- Problem details
Set down exactly the lines below, starting at the one that contains "#69=IFCPRODUCTDEFINITIONSHAPE($,$,(#68));" and ending at the one that contains "#76=IFCINDEXEDPOLYGONALFACE((3,7,8,4));", with both of those lines included and nothing else.

- Material provided

_ _ _ _ _ _ _

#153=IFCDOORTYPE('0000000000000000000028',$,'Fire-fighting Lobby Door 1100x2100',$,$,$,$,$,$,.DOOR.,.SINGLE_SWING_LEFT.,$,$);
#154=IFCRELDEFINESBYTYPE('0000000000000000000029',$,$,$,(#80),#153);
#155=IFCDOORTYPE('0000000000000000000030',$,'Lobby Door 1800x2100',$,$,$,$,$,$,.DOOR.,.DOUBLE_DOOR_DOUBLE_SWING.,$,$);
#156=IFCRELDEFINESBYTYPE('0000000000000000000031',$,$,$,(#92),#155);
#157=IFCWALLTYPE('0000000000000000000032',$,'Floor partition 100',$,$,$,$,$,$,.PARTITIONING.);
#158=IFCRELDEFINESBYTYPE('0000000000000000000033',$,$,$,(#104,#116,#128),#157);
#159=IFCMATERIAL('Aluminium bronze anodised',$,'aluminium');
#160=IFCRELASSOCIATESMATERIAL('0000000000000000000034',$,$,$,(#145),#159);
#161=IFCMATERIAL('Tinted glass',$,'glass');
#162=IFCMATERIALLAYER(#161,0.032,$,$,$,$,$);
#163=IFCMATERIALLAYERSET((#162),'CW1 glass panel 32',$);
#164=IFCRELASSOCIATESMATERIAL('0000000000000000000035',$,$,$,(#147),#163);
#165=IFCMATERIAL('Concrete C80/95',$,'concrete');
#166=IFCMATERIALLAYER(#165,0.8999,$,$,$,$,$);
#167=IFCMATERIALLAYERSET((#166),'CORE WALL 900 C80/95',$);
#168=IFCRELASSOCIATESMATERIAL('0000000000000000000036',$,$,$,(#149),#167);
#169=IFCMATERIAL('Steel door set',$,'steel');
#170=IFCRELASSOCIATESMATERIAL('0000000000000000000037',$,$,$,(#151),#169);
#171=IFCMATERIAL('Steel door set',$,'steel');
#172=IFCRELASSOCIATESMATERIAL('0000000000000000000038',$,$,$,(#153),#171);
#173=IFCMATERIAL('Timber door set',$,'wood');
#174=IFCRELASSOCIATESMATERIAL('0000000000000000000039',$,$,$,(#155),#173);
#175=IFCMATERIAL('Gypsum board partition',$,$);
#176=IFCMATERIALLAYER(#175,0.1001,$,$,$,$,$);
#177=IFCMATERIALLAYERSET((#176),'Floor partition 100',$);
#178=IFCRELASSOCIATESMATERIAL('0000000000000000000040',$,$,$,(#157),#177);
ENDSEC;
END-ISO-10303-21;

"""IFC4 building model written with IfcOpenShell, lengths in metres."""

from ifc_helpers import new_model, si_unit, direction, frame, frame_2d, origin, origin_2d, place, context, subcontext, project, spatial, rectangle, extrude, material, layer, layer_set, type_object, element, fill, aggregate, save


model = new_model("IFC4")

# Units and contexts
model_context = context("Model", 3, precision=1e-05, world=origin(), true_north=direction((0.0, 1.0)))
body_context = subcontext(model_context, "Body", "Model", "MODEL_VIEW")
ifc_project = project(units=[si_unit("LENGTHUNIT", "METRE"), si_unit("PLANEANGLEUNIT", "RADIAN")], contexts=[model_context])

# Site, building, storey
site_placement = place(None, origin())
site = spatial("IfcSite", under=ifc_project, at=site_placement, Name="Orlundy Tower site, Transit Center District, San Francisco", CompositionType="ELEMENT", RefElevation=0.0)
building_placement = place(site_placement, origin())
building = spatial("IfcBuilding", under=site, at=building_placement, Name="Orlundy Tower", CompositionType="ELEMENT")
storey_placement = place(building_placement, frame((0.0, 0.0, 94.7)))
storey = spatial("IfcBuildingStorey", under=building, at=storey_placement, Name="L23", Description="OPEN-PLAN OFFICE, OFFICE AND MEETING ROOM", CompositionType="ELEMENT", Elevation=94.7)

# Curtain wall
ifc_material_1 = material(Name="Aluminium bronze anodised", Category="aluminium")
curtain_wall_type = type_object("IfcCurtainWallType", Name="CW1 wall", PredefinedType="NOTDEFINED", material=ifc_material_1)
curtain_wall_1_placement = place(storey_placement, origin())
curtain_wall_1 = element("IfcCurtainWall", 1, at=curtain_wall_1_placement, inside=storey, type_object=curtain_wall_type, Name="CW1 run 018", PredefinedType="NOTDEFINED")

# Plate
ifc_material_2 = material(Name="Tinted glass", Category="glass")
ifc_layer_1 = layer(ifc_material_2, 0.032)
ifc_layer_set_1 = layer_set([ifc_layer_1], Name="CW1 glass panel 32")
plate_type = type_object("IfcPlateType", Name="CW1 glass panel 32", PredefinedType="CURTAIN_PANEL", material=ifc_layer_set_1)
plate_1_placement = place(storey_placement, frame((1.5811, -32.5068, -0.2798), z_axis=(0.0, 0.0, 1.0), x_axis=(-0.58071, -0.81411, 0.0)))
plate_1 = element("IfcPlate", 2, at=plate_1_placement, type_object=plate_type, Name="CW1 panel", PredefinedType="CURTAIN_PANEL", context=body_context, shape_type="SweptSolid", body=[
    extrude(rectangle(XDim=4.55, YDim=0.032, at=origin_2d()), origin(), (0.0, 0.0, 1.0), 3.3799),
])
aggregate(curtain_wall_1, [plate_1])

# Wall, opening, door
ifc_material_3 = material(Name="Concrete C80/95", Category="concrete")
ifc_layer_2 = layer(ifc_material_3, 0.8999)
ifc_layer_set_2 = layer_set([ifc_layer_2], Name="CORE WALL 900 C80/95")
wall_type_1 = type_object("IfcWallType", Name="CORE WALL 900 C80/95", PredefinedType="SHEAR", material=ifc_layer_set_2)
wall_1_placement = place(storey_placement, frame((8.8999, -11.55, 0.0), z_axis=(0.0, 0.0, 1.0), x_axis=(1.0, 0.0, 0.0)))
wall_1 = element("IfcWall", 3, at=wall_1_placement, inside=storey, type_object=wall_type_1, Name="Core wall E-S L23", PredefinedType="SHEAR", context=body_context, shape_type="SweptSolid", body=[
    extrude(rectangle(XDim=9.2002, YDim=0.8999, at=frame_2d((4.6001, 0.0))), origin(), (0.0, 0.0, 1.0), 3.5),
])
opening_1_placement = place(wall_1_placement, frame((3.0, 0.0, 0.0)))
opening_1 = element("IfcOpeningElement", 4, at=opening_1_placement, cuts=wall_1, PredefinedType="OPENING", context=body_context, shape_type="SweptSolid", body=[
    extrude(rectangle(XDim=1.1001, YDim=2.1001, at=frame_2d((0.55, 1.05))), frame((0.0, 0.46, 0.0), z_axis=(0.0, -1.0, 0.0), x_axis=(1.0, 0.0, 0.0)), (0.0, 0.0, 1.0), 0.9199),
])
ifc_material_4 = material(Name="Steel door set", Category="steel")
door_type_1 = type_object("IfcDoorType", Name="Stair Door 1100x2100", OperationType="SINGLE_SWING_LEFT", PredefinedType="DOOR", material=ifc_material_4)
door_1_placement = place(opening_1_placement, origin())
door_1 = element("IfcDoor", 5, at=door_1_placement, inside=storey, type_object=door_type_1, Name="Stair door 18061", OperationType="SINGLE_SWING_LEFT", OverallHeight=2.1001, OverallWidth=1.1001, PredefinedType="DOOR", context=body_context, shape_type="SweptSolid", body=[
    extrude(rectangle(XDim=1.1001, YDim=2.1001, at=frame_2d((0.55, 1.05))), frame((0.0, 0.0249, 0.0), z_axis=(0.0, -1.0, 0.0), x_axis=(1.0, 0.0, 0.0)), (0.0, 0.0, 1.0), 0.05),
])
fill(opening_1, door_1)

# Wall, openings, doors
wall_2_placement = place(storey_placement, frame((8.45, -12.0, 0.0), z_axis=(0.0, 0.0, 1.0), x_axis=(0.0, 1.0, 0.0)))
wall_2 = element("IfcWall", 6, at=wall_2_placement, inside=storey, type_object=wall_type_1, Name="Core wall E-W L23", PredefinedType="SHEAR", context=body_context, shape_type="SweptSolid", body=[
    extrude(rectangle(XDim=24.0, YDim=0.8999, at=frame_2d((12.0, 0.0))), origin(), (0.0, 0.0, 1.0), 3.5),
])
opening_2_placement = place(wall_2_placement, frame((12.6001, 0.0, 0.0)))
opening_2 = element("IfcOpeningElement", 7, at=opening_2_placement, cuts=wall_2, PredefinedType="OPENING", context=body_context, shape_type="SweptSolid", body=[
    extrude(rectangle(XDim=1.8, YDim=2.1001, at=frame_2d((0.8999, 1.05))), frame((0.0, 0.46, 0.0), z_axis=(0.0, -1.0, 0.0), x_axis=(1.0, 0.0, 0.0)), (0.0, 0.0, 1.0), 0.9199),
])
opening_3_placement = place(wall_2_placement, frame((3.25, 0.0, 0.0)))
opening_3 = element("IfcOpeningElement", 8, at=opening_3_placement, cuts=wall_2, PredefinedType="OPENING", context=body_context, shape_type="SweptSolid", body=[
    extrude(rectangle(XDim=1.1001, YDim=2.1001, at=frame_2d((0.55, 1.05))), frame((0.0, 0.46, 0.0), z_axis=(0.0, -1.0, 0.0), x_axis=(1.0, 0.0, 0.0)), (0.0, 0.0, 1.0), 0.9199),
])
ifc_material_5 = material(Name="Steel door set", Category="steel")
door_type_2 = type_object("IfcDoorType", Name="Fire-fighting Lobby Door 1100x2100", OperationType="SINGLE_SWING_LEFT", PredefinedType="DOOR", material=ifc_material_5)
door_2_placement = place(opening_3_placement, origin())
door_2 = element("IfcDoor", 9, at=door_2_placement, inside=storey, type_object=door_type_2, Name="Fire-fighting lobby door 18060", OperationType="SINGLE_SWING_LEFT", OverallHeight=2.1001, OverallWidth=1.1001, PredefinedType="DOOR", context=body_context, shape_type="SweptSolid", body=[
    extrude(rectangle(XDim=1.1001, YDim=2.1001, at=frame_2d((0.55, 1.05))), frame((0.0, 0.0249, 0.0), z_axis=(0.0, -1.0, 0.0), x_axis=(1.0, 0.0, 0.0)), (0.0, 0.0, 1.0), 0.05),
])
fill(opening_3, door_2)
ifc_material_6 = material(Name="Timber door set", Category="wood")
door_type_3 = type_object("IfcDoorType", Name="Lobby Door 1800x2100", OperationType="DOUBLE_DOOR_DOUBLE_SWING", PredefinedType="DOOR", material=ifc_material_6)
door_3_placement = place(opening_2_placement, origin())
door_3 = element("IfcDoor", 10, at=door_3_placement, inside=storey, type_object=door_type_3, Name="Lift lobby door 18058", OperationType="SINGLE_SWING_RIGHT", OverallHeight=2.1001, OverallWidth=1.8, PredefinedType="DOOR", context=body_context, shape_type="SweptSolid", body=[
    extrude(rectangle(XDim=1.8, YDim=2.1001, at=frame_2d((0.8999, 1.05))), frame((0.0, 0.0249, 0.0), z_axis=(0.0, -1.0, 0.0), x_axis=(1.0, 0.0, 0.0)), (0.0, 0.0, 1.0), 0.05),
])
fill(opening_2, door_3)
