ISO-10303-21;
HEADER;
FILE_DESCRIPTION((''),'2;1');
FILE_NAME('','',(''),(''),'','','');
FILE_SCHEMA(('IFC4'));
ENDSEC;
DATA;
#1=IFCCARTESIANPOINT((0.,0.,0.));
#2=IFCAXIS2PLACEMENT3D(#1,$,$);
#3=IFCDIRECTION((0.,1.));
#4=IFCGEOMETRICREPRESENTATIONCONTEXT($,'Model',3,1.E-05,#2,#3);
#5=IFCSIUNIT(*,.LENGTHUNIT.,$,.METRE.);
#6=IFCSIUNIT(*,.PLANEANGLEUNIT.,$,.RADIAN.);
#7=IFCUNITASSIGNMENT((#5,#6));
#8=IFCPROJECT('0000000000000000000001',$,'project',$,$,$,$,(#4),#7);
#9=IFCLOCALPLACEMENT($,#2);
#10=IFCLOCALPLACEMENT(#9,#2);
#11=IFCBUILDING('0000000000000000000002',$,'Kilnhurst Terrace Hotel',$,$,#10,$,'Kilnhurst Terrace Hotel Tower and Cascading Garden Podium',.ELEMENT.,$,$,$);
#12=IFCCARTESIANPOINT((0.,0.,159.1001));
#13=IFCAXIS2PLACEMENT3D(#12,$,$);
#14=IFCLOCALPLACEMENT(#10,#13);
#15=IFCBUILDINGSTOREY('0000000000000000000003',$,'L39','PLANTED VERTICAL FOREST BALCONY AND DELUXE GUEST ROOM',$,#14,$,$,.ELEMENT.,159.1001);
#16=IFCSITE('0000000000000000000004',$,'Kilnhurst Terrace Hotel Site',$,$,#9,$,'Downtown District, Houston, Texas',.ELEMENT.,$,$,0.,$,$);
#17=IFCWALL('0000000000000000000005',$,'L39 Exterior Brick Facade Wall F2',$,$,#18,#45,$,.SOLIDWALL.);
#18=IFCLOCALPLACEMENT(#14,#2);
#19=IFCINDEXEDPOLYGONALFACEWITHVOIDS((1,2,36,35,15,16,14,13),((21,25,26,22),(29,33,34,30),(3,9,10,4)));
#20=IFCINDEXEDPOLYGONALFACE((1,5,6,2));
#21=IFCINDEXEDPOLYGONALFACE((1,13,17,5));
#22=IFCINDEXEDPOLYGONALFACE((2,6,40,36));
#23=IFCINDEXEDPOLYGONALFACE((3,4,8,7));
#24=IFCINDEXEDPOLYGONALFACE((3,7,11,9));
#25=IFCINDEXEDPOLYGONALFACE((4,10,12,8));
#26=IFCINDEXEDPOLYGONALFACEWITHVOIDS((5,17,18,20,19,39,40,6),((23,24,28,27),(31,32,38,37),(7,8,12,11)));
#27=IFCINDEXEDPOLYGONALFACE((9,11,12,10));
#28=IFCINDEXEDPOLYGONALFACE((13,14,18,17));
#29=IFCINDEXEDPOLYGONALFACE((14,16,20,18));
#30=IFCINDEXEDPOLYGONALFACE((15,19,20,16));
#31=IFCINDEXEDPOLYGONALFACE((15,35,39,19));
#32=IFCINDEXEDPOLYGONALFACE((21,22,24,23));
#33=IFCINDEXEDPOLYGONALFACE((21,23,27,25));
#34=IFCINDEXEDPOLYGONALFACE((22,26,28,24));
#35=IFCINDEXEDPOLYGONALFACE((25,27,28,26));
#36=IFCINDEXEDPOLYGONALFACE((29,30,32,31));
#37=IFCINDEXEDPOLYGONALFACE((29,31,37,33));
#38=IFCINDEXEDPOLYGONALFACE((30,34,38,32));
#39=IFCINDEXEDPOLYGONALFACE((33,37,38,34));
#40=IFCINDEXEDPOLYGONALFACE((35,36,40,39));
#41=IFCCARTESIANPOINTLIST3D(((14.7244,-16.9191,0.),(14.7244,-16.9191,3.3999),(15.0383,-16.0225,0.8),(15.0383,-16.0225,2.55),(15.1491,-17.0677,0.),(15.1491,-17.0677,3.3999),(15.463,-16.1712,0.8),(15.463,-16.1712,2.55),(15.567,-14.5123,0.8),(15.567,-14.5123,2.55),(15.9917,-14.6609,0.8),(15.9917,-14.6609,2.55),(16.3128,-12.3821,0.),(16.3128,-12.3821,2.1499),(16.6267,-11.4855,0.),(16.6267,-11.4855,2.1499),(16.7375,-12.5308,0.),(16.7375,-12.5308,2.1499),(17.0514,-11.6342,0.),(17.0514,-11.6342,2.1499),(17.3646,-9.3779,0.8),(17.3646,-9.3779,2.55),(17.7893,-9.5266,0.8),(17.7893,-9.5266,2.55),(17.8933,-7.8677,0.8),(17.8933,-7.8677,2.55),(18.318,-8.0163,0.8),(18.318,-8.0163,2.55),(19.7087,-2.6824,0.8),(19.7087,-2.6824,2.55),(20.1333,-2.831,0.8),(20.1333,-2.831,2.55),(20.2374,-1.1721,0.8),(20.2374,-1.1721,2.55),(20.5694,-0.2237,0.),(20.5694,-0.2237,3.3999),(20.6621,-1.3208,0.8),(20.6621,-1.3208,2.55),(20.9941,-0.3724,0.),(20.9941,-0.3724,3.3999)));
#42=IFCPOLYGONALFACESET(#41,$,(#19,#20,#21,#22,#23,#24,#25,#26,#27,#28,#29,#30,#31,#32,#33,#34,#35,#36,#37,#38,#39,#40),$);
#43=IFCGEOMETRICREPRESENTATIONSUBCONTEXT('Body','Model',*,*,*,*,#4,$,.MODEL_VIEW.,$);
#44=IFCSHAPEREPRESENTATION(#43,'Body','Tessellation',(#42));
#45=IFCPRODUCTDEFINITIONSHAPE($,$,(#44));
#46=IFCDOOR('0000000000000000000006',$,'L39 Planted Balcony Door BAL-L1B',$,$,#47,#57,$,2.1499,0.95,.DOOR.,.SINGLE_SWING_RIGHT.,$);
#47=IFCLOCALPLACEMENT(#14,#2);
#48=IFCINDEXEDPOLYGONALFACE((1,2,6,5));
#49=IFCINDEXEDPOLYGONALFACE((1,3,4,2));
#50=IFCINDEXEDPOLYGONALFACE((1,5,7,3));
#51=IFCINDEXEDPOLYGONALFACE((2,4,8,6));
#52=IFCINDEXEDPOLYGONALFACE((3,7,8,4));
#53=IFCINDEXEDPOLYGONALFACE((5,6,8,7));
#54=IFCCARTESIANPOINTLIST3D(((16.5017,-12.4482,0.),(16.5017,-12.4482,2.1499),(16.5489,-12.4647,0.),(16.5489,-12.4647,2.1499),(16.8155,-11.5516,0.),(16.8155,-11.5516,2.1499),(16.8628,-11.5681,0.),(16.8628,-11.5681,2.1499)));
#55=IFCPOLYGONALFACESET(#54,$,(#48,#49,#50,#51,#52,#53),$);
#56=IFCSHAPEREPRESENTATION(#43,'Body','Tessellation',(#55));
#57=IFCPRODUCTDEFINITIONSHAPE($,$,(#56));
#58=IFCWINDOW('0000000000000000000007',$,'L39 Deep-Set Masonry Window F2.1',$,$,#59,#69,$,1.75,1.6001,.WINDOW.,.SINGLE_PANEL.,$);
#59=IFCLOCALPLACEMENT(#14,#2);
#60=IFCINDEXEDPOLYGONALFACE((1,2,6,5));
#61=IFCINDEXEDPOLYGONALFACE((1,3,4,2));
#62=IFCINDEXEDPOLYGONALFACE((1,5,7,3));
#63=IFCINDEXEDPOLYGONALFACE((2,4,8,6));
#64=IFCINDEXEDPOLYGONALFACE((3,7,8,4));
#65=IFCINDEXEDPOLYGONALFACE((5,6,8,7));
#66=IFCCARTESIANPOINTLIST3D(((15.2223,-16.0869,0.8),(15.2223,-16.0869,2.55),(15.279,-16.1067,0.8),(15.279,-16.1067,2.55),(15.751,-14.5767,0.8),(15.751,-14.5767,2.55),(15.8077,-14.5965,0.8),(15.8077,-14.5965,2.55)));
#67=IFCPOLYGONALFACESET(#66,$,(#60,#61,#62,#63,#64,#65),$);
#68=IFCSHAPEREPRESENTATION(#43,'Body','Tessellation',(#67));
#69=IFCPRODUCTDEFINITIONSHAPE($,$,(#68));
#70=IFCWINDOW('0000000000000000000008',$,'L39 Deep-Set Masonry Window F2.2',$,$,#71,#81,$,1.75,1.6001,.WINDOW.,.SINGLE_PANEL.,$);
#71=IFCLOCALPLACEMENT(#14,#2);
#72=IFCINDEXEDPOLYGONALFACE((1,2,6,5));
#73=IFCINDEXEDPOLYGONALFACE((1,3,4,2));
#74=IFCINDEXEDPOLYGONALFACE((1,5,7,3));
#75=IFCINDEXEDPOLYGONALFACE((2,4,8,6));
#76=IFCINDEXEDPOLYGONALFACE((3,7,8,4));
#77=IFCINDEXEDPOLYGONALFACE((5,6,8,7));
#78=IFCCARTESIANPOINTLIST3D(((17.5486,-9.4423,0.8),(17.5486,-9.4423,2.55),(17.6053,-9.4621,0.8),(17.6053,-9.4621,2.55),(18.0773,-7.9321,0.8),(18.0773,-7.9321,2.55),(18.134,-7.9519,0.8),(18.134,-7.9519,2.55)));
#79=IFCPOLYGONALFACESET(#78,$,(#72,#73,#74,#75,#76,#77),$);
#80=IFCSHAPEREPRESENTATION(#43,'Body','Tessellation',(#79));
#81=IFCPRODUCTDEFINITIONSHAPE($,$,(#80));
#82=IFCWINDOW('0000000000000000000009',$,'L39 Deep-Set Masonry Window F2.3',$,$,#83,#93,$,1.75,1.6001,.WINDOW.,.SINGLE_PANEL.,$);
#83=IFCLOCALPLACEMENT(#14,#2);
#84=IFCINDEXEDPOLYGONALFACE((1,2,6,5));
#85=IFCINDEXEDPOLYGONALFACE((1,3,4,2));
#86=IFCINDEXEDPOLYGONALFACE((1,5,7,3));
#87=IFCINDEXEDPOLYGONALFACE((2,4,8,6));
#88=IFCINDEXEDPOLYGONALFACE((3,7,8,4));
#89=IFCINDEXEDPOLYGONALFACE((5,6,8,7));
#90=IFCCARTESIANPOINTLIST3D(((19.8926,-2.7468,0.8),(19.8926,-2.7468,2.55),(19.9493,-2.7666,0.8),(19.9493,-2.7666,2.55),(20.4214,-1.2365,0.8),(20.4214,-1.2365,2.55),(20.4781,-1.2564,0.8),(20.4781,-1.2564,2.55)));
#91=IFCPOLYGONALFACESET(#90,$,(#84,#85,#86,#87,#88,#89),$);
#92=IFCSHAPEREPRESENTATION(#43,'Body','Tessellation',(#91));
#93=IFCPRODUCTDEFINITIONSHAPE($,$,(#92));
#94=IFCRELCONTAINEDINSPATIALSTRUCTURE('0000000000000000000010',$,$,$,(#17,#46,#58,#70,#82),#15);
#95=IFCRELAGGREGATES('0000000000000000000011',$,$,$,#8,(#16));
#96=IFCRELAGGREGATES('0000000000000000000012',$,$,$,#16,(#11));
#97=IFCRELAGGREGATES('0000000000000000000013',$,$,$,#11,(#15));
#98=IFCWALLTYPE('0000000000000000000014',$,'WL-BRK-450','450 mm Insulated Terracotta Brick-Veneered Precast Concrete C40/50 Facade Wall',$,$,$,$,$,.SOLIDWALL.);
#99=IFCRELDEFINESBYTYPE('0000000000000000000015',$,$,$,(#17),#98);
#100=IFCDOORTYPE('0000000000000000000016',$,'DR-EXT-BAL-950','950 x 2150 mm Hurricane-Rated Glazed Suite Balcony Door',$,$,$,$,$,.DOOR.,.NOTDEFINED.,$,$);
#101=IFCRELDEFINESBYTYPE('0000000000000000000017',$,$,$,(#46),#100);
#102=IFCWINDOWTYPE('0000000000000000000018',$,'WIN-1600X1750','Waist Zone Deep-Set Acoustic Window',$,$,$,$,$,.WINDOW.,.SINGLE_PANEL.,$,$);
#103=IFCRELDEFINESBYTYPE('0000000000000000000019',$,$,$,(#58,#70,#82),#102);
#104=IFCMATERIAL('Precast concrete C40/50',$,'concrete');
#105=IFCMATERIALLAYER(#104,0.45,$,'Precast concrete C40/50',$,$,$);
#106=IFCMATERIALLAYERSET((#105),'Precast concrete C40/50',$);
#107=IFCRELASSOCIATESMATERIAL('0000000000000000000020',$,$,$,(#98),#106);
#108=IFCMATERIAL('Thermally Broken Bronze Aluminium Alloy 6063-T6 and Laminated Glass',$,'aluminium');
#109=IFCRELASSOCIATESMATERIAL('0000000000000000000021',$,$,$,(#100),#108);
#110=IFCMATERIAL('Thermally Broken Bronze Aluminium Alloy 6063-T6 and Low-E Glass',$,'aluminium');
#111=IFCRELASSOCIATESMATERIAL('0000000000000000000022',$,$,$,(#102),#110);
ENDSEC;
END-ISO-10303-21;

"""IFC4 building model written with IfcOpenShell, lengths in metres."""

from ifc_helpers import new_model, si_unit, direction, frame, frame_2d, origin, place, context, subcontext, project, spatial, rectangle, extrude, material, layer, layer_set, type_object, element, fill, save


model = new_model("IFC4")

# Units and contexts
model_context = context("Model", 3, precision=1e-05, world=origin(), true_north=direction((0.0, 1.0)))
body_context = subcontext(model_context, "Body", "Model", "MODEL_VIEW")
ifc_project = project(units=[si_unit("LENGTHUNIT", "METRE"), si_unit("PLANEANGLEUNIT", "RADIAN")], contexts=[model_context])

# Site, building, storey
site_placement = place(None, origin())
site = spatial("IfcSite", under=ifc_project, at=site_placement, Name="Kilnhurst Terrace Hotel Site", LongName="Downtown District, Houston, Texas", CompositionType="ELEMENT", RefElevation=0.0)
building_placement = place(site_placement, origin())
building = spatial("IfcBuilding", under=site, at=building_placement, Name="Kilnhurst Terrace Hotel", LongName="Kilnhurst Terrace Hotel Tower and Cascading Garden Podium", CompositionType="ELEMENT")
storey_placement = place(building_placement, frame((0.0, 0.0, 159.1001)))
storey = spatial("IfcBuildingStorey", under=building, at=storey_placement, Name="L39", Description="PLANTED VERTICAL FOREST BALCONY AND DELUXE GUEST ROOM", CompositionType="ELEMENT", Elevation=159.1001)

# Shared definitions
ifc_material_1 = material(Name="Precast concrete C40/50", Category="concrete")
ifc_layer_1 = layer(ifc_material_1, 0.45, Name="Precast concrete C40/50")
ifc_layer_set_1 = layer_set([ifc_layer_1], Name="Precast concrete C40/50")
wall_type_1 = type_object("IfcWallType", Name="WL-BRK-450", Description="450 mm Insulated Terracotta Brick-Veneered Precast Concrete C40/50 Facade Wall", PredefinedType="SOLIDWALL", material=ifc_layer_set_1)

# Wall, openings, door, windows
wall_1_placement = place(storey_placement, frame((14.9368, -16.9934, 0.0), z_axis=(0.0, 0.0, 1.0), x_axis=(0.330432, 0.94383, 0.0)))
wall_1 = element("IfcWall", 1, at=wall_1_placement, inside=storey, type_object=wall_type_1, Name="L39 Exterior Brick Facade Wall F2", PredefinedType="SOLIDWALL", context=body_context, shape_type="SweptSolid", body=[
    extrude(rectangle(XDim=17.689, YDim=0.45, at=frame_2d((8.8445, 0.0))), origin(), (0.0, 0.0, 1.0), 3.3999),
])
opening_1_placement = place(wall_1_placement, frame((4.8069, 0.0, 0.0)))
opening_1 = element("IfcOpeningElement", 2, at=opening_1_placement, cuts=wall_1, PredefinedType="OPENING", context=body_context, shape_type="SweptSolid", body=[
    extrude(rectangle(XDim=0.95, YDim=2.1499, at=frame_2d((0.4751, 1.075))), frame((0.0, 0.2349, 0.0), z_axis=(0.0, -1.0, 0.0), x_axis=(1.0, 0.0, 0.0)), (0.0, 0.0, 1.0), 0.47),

_ _ _ _ _ _ _

- Written response
#69=IFCPRODUCTDEFINITIONSHAPE($,$,(#68));
#70=IFCWINDOW('0000000000000000000008',$,'L39 Deep-Set Masonry Window F2.2',$,$,#71,#81,$,1.75,1.6001,.WINDOW.,.SINGLE_PANEL.,$);
#71=IFCLOCALPLACEMENT(#14,#2);
#72=IFCINDEXEDPOLYGONALFACE((1,2,6,5));
#73=IFCINDEXEDPOLYGONALFACE((1,3,4,2));
#74=IFCINDEXEDPOLYGONALFACE((1,5,7,3));
#75=IFCINDEXEDPOLYGONALFACE((2,4,8,6));
#76=IFCINDEXEDPOLYGONALFACE((3,7,8,4));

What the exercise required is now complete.